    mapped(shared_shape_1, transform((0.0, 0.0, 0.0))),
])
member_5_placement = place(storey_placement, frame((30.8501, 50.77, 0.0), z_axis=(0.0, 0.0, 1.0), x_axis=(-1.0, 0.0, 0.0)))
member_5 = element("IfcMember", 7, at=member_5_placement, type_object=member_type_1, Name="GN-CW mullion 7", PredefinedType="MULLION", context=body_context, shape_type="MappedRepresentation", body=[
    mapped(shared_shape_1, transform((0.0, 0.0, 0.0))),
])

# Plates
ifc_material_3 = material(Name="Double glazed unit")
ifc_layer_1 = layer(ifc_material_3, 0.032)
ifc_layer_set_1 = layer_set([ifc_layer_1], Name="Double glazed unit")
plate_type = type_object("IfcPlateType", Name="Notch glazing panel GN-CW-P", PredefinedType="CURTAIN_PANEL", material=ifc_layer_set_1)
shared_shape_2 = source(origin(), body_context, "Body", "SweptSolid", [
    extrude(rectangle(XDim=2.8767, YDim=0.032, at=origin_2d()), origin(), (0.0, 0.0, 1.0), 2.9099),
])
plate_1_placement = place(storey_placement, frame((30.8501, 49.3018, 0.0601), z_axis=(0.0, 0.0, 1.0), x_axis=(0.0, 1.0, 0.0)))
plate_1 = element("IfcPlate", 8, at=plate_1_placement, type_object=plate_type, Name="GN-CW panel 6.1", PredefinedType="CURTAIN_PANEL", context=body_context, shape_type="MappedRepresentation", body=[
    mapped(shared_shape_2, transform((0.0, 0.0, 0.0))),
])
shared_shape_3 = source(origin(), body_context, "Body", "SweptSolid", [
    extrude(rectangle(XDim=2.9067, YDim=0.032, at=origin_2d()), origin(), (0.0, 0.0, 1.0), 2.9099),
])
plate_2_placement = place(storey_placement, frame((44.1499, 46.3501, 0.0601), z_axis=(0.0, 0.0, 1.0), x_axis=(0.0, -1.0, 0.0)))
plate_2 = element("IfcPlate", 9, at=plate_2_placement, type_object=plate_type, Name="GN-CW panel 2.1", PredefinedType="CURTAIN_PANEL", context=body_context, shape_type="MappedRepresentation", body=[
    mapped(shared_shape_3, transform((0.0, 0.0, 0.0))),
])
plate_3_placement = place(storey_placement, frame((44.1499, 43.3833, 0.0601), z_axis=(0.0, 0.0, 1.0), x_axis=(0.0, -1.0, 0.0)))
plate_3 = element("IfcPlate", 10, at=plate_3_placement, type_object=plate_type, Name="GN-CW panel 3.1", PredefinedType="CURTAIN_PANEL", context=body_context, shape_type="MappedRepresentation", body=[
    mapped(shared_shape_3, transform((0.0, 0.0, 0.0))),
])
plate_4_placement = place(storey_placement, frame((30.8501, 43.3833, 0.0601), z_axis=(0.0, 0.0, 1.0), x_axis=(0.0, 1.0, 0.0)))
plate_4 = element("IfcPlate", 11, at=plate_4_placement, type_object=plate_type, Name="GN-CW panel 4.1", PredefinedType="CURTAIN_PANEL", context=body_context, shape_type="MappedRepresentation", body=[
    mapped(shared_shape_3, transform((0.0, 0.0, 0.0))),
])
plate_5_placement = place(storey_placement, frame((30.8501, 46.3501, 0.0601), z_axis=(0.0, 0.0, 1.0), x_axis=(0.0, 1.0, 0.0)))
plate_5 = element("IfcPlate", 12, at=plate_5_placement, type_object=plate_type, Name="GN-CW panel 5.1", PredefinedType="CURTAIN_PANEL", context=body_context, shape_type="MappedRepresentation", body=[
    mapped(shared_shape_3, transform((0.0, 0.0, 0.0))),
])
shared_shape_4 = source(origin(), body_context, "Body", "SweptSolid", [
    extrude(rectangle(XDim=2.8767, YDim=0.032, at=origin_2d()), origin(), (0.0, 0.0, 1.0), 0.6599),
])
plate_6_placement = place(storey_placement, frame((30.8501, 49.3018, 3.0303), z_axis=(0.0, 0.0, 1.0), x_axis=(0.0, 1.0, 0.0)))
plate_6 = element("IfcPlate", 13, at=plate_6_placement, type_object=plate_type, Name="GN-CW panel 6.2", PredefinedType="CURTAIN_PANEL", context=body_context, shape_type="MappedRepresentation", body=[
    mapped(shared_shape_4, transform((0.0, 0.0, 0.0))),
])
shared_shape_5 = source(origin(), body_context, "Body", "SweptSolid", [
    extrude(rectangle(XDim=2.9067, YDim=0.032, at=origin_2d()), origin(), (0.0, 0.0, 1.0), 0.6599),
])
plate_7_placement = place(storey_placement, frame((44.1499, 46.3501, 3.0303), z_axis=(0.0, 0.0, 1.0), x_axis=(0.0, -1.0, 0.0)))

☆ ☆ ☆ ☆ ☆

TRY IT: For each line above that includes the word "rectangle", make a copy of that line.

ANSWER FOR THE TASK:
    extrude(rectangle(XDim=2.8767, YDim=0.032, at=origin_2d()), origin(), (0.0, 0.0, 1.0), 2.9099),
    extrude(rectangle(XDim=2.9067, YDim=0.032, at=origin_2d()), origin(), (0.0, 0.0, 1.0), 2.9099),
    extrude(rectangle(XDim=2.8767, YDim=0.032, at=origin_2d()), origin(), (0.0, 0.0, 1.0), 0.6599),
    extrude(rectangle(XDim=2.9067, YDim=0.032, at=origin_2d()), origin(), (0.0, 0.0, 1.0), 0.6599),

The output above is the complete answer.